→ TASK: In the entries below, which lines run from the one containing "#71=IFCINDEXEDPOLYGONALFACE((1,5,6,2));" to the one containing "CW-L00-E-X07Y09',$,'STICK CURTAIN WALL',#80,$,$,.USERDEFINED.);"? Copy exactly those lines, ends included, and no others.

INPUT below:

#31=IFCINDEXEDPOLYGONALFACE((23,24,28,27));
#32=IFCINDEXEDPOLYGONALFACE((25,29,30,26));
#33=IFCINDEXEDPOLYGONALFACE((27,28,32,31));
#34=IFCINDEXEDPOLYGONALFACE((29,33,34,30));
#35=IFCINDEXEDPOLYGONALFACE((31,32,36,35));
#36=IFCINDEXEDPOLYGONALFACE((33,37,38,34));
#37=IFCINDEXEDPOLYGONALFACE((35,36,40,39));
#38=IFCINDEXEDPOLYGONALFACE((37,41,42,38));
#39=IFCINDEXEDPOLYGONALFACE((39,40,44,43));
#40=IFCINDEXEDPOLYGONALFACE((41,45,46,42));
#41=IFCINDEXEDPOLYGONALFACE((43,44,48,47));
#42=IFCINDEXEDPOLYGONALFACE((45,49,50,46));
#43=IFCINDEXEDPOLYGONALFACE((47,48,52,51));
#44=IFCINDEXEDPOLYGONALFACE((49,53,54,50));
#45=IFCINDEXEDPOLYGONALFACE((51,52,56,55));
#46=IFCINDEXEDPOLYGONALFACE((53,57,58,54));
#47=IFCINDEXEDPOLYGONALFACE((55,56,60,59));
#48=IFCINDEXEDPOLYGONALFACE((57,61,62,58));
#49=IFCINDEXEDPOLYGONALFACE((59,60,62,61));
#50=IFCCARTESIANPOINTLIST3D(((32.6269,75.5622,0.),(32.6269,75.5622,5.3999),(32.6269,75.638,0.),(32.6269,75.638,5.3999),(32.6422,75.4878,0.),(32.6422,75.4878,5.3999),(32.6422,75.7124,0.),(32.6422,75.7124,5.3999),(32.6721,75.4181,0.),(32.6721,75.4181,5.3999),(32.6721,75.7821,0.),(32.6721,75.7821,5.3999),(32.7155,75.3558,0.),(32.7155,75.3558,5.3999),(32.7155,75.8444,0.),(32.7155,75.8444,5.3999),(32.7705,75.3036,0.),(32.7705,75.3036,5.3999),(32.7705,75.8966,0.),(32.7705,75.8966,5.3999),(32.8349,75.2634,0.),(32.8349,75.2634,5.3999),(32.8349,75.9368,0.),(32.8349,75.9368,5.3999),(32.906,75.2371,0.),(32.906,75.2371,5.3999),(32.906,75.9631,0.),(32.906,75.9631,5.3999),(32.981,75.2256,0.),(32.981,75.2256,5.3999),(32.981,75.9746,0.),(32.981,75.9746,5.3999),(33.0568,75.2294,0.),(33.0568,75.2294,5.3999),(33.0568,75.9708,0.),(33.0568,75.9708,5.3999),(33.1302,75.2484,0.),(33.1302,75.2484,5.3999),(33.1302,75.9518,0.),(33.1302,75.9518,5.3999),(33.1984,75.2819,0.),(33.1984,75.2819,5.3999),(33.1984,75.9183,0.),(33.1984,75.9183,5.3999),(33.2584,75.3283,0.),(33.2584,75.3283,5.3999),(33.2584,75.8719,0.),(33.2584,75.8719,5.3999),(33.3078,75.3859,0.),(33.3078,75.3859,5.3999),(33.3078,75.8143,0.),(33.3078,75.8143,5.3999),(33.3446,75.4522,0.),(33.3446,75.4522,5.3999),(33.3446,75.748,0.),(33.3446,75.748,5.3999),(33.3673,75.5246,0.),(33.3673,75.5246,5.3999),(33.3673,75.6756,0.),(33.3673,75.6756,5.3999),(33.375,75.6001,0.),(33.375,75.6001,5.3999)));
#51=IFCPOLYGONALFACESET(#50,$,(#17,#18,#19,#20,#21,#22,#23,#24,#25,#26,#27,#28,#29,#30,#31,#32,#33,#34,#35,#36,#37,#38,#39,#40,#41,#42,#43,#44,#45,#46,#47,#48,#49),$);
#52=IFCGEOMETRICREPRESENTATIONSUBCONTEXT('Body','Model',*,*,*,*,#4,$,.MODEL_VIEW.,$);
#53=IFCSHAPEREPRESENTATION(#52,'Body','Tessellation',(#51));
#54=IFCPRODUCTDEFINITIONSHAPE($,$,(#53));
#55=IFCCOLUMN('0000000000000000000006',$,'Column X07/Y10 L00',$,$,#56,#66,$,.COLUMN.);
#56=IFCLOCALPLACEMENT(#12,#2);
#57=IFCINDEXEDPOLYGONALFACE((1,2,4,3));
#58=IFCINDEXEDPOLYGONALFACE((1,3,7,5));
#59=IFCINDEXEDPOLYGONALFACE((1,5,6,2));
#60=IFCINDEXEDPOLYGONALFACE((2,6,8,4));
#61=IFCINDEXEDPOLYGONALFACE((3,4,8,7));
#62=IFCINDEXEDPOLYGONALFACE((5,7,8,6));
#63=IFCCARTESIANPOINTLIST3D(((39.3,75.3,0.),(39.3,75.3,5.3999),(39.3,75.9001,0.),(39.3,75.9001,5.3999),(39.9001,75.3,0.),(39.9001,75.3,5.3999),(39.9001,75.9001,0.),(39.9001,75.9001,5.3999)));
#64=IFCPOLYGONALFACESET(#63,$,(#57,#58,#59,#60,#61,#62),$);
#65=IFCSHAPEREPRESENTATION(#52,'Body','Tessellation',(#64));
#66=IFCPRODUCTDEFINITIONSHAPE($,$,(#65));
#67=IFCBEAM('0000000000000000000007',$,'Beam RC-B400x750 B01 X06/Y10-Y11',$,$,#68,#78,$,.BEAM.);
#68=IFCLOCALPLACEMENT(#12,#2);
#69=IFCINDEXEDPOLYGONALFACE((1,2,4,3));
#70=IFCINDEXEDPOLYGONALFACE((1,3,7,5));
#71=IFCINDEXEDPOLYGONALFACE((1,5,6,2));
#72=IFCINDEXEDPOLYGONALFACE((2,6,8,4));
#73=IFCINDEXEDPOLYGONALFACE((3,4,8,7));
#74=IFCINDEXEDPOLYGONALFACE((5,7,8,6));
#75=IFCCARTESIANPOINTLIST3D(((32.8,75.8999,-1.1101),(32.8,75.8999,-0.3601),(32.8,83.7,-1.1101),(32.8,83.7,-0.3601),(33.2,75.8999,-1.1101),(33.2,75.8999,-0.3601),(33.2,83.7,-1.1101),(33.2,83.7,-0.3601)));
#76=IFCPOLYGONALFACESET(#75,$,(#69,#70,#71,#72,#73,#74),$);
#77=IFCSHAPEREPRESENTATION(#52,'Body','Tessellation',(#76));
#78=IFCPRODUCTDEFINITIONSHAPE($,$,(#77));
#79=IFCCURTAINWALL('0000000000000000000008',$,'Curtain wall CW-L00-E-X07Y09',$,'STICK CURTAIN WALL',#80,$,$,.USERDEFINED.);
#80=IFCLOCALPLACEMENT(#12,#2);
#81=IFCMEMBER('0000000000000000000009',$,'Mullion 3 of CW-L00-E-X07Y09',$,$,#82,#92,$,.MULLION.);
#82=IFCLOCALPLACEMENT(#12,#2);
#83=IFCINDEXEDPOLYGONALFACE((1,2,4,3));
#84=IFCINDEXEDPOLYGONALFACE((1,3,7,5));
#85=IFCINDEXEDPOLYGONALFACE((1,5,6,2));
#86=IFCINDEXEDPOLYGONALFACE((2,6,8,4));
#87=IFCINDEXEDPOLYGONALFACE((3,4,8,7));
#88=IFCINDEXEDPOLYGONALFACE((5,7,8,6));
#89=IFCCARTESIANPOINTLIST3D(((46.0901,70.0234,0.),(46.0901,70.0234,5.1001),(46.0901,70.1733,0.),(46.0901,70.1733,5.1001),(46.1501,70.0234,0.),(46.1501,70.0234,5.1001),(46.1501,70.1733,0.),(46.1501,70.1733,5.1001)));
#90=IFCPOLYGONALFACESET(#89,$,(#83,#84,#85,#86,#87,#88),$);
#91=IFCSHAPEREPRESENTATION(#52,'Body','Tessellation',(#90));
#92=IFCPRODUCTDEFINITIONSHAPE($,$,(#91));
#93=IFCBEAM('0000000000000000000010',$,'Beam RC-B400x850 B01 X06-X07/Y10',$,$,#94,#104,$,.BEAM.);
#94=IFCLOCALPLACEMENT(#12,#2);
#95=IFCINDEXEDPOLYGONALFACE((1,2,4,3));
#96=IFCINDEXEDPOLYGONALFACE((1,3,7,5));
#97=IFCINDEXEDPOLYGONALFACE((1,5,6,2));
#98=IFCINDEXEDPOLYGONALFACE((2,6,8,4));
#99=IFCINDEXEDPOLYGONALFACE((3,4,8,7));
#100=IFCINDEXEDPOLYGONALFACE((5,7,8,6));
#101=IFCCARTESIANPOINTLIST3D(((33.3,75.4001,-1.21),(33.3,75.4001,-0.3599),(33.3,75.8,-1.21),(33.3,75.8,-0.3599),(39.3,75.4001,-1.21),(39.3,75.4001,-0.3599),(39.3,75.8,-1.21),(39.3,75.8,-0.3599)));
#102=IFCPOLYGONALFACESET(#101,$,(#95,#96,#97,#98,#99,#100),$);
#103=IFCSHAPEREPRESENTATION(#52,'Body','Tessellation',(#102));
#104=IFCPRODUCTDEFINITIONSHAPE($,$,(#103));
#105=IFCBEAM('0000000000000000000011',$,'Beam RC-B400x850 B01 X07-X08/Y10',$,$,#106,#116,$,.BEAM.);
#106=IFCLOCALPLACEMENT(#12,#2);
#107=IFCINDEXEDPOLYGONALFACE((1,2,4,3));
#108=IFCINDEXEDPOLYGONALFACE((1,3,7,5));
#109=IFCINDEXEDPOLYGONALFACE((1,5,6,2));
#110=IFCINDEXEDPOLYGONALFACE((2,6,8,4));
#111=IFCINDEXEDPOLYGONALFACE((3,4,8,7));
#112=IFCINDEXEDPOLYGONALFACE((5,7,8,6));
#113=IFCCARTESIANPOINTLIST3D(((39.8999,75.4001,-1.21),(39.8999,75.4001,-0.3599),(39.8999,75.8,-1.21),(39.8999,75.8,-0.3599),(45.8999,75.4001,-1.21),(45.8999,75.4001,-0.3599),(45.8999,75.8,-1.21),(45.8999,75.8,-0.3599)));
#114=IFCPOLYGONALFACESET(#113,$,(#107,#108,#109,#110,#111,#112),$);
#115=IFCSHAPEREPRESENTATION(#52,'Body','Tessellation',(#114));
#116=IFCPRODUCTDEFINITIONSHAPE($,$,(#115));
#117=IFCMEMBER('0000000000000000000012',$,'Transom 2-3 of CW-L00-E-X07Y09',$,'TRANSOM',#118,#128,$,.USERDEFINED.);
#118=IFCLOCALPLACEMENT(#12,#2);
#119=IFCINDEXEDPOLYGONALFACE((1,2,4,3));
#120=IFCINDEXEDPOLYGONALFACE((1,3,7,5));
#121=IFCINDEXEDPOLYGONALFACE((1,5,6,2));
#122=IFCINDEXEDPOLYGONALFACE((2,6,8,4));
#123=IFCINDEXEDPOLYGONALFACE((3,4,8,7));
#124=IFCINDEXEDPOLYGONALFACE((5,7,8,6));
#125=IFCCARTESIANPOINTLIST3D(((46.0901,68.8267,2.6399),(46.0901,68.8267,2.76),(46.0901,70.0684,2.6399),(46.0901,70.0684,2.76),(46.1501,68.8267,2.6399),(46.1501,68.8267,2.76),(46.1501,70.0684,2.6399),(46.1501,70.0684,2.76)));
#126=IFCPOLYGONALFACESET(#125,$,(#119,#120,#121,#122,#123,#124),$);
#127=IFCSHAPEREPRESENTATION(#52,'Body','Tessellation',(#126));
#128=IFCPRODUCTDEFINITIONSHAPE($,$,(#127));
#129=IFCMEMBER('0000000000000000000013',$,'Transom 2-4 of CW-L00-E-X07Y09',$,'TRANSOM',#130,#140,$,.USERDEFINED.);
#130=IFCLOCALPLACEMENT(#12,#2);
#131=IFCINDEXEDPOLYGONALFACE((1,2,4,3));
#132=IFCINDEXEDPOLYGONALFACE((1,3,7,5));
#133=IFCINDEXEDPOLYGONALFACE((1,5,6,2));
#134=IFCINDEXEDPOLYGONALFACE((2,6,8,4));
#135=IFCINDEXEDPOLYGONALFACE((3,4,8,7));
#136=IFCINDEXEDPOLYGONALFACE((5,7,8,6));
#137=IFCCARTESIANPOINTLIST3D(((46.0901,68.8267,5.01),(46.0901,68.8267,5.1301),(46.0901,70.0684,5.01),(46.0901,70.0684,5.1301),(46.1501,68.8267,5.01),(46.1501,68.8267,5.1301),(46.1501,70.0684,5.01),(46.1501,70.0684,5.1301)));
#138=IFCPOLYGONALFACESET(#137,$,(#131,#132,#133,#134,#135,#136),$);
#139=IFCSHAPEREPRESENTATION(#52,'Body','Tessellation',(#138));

End of INPUT.

→ EXERCISE ANSWER:
#71=IFCINDEXEDPOLYGONALFACE((1,5,6,2));
#72=IFCINDEXEDPOLYGONALFACE((2,6,8,4));
#73=IFCINDEXEDPOLYGONALFACE((3,4,8,7));
#74=IFCINDEXEDPOLYGONALFACE((5,7,8,6));
#75=IFCCARTESIANPOINTLIST3D(((32.8,75.8999,-1.1101),(32.8,75.8999,-0.3601),(32.8,83.7,-1.1101),(32.8,83.7,-0.3601),(33.2,75.8999,-1.1101),(33.2,75.8999,-0.3601),(33.2,83.7,-1.1101),(33.2,83.7,-0.3601)));
#76=IFCPOLYGONALFACESET(#75,$,(#69,#70,#71,#72,#73,#74),$);
#77=IFCSHAPEREPRESENTATION(#52,'Body','Tessellation',(#76));
#78=IFCPRODUCTDEFINITIONSHAPE($,$,(#77));
#79=IFCCURTAINWALL('0000000000000000000008',$,'Curtain wall CW-L00-E-X07Y09',$,'STICK CURTAIN WALL',#80,$,$,.USERDEFINED.);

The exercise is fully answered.